Task item: In the records that follow, count each line where the string "MULLION" occurs. Provide the total and no other text.

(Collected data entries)

╭──

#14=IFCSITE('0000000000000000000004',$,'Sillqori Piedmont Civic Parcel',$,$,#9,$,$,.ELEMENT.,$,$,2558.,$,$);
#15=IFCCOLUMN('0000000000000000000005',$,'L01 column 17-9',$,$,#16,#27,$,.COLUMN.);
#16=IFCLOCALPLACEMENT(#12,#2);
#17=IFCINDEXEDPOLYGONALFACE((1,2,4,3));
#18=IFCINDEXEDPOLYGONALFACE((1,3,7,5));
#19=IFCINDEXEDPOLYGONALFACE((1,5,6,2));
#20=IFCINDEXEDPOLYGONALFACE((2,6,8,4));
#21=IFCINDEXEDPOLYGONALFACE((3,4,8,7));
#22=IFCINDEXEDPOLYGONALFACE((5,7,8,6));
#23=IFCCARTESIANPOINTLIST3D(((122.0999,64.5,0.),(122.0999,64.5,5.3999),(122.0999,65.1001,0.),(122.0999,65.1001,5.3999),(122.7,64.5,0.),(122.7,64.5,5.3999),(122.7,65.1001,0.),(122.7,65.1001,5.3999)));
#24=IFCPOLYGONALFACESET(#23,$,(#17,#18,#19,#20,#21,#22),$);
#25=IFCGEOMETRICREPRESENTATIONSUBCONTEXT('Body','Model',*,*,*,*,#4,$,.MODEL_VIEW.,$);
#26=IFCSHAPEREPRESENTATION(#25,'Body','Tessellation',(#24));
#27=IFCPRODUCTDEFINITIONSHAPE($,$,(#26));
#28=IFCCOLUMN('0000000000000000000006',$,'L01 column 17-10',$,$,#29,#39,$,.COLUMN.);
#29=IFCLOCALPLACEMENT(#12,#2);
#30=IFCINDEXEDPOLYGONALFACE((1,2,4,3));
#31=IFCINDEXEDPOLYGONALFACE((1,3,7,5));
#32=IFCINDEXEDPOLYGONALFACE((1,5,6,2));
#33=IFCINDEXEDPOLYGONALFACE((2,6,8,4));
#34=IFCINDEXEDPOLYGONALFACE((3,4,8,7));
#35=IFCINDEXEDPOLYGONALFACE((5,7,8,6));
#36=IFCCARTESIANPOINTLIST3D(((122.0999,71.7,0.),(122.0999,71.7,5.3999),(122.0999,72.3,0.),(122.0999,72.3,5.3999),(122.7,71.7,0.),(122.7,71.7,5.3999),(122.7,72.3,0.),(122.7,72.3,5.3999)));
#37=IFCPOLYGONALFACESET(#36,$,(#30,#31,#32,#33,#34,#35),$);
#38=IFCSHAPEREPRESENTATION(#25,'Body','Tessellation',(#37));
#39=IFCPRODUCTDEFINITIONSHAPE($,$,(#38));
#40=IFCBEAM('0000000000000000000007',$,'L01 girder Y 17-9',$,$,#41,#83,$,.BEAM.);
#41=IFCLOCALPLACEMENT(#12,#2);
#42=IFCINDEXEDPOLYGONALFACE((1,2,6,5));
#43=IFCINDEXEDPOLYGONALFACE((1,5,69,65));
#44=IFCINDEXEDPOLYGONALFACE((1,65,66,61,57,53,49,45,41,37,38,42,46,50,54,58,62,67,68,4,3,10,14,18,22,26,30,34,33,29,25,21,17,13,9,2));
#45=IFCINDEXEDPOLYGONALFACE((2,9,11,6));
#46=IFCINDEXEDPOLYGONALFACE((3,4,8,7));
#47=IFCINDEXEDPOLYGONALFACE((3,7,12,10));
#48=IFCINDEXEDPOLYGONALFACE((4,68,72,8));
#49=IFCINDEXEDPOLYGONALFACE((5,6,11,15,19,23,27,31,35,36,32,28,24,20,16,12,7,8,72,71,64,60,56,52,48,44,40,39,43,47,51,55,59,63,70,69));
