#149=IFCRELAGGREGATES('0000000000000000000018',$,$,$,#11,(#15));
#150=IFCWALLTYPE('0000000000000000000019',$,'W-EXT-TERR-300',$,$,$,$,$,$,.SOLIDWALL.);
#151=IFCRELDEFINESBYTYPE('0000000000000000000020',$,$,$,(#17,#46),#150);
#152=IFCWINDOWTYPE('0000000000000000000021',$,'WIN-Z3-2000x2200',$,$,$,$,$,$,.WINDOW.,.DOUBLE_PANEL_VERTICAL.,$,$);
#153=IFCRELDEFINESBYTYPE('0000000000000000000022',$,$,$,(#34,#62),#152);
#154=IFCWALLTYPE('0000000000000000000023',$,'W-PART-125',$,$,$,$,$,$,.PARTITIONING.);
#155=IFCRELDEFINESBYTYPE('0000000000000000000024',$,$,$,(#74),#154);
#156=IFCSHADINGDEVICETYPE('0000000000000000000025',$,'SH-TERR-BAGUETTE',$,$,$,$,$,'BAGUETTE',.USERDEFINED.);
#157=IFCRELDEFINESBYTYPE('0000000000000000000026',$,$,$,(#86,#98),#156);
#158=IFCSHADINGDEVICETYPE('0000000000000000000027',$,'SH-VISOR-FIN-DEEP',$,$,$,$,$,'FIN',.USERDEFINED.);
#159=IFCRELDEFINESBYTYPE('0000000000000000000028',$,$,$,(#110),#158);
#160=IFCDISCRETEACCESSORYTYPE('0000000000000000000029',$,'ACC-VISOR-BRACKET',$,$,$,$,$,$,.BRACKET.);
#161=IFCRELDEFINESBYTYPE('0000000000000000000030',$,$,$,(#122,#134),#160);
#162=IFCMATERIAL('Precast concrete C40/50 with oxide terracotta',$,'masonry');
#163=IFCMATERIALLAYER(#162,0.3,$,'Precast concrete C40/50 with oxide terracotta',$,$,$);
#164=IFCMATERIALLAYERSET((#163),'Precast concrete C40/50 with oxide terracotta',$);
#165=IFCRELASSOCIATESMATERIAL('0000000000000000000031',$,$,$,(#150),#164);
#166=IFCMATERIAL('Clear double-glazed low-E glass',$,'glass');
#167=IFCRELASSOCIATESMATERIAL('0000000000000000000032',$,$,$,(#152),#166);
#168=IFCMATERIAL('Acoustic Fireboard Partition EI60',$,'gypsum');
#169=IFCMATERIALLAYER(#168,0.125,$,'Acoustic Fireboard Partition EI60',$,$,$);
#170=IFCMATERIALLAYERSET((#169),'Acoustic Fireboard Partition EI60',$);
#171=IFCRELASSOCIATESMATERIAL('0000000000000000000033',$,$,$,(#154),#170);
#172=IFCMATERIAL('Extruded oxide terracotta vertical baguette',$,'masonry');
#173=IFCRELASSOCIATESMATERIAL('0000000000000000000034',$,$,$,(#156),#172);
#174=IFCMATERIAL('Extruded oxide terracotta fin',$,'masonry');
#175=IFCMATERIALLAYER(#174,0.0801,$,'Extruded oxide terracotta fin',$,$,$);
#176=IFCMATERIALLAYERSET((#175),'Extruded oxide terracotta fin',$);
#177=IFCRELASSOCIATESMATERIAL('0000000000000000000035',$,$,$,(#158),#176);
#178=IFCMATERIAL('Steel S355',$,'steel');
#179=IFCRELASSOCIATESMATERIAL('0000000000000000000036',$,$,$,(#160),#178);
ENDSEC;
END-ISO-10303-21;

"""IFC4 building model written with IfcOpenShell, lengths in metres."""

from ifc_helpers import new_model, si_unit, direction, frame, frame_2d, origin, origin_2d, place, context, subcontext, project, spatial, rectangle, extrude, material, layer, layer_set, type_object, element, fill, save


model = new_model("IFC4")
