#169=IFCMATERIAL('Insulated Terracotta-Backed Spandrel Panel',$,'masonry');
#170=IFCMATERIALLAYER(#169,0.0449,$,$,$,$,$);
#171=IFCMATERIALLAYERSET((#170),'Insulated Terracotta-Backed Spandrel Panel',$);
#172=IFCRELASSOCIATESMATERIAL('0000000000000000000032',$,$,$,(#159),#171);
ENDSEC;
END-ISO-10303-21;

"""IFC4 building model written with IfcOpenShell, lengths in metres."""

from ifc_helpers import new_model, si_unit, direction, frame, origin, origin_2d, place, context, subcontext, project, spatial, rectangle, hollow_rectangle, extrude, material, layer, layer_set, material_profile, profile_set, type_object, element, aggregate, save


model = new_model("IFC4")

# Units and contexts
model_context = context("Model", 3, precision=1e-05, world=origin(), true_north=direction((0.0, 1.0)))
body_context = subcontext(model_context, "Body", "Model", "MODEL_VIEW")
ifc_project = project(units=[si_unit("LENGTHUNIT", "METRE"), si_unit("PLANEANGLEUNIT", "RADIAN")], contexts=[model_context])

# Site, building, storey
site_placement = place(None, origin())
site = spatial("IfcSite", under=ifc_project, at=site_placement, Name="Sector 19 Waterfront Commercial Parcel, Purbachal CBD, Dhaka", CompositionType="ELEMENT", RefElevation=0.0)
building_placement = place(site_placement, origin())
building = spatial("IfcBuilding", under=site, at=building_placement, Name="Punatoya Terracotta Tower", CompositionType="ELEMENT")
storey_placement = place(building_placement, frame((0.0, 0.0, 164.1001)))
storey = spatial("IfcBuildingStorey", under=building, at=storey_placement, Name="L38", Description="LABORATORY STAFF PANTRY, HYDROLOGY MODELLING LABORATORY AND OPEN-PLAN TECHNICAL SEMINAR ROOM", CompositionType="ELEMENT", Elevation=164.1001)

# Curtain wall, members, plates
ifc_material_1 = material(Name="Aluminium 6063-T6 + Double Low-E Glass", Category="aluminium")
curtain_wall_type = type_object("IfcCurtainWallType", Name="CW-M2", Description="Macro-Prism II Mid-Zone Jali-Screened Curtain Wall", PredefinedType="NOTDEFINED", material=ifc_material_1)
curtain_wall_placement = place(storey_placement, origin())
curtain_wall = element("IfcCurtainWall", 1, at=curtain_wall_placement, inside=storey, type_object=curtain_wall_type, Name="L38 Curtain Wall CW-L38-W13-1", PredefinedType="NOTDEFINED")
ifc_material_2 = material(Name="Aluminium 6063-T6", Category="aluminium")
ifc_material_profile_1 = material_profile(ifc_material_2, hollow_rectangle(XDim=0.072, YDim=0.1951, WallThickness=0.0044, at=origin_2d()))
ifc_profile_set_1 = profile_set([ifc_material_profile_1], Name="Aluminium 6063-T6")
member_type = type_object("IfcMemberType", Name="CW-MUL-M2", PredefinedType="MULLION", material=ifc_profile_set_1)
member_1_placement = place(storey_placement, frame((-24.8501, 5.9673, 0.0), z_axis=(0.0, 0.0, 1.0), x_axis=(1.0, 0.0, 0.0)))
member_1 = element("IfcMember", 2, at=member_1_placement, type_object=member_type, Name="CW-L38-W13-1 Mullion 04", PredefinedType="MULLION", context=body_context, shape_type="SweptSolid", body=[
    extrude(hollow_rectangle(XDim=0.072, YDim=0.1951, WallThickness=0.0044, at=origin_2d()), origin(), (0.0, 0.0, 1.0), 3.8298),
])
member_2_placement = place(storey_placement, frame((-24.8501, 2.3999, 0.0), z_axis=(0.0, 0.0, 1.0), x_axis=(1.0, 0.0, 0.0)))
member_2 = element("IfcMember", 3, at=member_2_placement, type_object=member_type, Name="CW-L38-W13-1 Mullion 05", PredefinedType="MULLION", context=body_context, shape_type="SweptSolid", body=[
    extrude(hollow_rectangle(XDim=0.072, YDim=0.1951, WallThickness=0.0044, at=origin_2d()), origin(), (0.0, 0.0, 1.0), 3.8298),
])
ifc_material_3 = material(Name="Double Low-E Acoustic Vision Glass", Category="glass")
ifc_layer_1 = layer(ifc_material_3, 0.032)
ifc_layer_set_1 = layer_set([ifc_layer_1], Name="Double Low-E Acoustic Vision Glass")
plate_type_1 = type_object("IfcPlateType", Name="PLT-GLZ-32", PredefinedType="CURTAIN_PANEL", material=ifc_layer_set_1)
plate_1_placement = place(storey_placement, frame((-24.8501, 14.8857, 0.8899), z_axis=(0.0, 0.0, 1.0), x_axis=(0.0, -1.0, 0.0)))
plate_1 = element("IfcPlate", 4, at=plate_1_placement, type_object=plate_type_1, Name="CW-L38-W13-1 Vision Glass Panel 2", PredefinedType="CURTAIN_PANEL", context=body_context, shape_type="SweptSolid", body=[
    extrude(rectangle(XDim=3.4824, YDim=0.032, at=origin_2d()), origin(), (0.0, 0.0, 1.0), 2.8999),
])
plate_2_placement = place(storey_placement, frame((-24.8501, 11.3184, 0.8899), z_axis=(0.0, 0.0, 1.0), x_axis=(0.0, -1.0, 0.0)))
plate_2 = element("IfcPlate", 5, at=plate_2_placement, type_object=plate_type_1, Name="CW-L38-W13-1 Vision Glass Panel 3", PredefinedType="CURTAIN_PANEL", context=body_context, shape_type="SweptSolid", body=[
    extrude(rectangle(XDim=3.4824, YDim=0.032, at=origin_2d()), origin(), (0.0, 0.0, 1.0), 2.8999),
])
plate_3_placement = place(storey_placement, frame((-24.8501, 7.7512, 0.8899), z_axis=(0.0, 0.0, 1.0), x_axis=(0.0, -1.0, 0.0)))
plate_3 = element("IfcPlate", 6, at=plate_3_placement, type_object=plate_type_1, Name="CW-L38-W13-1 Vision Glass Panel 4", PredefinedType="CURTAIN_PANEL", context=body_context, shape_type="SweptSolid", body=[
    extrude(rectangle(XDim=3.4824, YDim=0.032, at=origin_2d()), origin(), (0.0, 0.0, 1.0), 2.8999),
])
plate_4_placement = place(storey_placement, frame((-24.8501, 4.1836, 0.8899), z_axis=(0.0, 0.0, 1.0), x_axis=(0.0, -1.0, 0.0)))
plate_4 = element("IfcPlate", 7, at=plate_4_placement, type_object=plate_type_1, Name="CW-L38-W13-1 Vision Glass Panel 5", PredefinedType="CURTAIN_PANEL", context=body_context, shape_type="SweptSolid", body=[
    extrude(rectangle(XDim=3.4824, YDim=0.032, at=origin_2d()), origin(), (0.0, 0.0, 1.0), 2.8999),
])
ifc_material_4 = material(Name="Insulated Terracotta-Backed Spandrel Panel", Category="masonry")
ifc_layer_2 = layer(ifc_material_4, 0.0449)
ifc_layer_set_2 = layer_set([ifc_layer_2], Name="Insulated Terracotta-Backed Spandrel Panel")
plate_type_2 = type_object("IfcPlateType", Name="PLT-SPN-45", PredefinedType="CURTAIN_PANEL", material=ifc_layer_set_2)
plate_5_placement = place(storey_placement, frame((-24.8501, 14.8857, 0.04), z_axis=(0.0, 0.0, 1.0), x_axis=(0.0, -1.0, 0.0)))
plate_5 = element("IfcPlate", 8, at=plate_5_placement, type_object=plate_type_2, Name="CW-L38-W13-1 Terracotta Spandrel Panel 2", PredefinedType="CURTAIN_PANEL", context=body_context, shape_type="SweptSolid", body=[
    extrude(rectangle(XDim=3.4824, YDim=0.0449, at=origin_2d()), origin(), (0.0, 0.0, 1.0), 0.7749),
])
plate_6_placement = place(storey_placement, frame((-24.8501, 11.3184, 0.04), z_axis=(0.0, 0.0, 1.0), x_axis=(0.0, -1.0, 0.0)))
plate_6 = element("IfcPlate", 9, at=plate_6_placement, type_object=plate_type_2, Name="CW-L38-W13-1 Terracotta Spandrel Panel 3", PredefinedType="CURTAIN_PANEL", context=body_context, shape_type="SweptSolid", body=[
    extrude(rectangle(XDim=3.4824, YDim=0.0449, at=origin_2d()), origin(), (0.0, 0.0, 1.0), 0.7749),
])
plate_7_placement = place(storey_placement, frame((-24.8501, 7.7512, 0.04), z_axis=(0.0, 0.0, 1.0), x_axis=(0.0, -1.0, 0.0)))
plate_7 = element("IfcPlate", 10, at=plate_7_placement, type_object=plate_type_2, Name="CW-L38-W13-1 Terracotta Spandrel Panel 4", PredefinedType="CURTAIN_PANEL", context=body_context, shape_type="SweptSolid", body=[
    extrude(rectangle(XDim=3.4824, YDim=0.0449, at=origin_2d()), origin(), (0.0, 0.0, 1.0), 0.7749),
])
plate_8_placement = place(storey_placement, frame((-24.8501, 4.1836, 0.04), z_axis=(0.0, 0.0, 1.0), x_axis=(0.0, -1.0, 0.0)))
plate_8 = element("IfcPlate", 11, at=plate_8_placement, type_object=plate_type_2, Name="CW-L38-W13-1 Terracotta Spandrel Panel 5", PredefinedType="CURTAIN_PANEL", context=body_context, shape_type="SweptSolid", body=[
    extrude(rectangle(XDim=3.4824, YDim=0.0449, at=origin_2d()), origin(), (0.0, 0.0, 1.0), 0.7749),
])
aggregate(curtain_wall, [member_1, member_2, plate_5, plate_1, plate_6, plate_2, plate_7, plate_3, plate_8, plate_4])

╰──

Answer space: 3